Every line from the start of the records below to the line containing "#169=IFCINDEXEDPOLYGONALFACE((5,7,8,6));" should be retyped exactly, that line included, and no others.

Stored data entries:
────────────────────
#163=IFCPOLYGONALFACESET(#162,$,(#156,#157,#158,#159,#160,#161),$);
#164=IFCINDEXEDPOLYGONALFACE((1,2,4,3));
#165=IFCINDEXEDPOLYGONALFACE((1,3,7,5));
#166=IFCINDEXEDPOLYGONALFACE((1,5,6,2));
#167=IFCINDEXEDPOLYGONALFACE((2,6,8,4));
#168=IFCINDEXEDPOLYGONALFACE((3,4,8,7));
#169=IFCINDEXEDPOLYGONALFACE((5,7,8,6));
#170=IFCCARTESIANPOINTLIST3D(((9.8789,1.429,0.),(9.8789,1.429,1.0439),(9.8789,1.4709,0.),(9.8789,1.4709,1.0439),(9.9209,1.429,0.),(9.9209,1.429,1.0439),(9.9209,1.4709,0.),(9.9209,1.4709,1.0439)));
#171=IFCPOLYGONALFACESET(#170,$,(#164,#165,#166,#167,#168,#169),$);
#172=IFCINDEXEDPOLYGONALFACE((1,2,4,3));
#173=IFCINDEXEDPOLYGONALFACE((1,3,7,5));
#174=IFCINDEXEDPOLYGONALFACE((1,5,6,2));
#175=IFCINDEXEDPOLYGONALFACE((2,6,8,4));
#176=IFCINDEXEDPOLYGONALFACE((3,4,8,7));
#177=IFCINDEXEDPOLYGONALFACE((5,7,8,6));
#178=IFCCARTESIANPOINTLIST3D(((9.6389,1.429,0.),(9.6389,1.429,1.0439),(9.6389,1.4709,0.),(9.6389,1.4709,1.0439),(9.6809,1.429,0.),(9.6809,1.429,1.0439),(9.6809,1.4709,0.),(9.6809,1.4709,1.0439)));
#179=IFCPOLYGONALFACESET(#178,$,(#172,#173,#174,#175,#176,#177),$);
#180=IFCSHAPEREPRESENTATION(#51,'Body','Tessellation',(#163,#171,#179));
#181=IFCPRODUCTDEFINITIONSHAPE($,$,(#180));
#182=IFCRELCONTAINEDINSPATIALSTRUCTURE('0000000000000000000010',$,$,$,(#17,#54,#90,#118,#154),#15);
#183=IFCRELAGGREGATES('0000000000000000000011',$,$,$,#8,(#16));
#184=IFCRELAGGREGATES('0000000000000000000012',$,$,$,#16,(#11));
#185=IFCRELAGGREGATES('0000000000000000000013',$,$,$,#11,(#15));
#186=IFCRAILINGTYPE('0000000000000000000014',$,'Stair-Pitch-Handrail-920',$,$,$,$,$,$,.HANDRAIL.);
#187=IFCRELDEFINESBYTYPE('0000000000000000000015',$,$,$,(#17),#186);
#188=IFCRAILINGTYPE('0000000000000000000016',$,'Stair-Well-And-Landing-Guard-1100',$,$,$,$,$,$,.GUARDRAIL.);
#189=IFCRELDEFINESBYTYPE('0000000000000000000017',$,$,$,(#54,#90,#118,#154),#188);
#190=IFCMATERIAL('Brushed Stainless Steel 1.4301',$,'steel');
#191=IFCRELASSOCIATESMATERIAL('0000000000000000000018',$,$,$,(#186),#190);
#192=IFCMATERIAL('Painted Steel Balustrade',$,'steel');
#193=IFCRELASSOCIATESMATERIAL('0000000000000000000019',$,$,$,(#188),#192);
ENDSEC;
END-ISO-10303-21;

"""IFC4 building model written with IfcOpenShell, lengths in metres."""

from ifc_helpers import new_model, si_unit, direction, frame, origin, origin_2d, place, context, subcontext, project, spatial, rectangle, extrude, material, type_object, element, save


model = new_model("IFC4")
────────────────────
- [TASK RESPONSE]:
#163=IFCPOLYGONALFACESET(#162,$,(#156,#157,#158,#159,#160,#161),$);
#164=IFCINDEXEDPOLYGONALFACE((1,2,4,3));
#165=IFCINDEXEDPOLYGONALFACE((1,3,7,5));
#166=IFCINDEXEDPOLYGONALFACE((1,5,6,2));
#167=IFCINDEXEDPOLYGONALFACE((2,6,8,4));
#168=IFCINDEXEDPOLYGONALFACE((3,4,8,7));
#169=IFCINDEXEDPOLYGONALFACE((5,7,8,6));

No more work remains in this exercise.